**Problem description**
Pull every line that includes the word "USERDEFINED" from the data.
■ ■ ■ ■ ■ ■ ■
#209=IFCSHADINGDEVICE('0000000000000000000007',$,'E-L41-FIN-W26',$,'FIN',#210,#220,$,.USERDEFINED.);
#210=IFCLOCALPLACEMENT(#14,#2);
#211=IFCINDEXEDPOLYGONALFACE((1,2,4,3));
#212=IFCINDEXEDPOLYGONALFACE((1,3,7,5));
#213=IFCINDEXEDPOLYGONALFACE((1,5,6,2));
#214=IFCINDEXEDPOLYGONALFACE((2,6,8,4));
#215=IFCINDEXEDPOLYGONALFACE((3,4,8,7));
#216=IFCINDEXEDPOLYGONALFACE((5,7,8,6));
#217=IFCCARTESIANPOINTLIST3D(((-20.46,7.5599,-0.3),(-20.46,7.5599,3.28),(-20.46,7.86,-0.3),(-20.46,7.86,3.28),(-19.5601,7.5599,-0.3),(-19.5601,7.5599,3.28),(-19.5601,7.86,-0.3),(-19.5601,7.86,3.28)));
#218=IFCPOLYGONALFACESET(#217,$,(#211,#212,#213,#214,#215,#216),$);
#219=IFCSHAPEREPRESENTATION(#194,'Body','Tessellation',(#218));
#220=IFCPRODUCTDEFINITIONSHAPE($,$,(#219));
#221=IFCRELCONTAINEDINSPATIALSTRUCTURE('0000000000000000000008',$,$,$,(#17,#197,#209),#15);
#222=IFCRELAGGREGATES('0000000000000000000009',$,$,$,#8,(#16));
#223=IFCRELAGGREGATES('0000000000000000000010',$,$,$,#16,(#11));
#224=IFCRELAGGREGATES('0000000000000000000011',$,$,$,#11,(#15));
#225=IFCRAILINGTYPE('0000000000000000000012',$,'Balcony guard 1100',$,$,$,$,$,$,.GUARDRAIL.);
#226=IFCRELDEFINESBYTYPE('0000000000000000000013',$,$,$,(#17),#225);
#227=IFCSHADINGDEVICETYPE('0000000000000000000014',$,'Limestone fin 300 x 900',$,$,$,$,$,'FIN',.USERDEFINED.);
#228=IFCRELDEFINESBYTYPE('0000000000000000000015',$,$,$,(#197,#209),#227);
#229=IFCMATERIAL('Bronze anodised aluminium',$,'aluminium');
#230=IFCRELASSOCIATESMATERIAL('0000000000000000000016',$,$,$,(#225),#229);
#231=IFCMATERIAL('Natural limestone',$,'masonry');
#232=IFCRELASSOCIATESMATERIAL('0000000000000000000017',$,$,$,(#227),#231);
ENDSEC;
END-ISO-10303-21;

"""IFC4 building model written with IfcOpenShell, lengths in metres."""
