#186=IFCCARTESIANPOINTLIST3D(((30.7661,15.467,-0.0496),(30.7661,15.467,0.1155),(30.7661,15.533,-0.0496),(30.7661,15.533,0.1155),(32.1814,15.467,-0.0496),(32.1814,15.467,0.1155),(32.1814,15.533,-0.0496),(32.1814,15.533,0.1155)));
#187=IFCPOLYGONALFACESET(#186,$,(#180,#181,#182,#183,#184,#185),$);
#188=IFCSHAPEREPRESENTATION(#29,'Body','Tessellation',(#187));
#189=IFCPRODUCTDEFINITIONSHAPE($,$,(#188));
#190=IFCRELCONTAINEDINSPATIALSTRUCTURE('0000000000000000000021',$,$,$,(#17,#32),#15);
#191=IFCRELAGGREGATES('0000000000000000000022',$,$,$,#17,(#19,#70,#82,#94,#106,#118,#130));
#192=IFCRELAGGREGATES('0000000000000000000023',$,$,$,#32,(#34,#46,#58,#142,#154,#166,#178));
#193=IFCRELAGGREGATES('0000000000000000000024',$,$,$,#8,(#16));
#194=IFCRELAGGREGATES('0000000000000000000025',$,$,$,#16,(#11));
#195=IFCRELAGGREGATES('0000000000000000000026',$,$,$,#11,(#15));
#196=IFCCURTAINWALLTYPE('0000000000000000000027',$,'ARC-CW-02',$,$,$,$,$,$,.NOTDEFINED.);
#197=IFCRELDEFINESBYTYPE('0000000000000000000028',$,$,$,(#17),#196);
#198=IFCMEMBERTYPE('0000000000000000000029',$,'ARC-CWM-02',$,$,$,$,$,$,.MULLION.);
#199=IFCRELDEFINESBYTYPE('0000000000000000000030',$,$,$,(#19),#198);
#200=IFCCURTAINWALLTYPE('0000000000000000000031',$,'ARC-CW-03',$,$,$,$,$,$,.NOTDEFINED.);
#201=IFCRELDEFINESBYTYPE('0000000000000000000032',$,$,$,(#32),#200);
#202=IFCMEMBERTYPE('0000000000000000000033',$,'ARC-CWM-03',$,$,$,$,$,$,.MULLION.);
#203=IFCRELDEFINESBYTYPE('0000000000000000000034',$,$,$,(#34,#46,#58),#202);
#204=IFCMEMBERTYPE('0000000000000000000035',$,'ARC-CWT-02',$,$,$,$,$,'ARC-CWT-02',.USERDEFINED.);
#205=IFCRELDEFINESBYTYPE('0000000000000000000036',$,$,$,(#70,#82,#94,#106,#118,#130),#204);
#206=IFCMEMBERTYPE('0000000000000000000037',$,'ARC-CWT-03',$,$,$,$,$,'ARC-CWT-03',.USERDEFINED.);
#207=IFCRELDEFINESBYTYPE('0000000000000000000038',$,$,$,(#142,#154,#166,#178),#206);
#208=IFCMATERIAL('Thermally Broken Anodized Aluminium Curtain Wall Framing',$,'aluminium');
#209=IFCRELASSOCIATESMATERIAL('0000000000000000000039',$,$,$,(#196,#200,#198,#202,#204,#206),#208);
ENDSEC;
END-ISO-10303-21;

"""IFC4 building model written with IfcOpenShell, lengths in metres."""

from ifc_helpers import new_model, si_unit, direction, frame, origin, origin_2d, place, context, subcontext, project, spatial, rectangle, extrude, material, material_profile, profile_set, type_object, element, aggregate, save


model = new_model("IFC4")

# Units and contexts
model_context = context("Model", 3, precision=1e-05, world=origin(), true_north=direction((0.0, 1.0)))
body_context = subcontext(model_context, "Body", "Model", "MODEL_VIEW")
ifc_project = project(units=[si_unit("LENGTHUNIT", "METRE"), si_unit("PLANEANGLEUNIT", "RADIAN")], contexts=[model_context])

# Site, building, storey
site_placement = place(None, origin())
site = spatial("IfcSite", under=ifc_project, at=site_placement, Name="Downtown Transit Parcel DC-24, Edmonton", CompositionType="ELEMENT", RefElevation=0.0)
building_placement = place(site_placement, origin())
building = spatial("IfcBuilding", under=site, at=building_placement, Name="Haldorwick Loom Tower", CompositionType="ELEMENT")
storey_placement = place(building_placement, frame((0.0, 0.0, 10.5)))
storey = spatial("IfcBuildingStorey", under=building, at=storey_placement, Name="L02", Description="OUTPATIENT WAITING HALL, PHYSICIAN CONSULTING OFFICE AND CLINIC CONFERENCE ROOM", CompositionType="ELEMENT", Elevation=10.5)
■ ■ ■ ■ ■ ■ ■
**Answer to this task**
#209=IFCSHADINGDEVICE('0000000000000000000007',$,'E-L41-FIN-W26',$,'FIN',#210,#220,$,.USERDEFINED.);
#227=IFCSHADINGDEVICETYPE('0000000000000000000014',$,'Limestone fin 300 x 900',$,$,$,$,$,'FIN',.USERDEFINED.);
#204=IFCMEMBERTYPE('0000000000000000000035',$,'ARC-CWT-02',$,$,$,$,$,'ARC-CWT-02',.USERDEFINED.);
#206=IFCMEMBERTYPE('0000000000000000000037',$,'ARC-CWT-03',$,$,$,$,$,'ARC-CWT-03',.USERDEFINED.);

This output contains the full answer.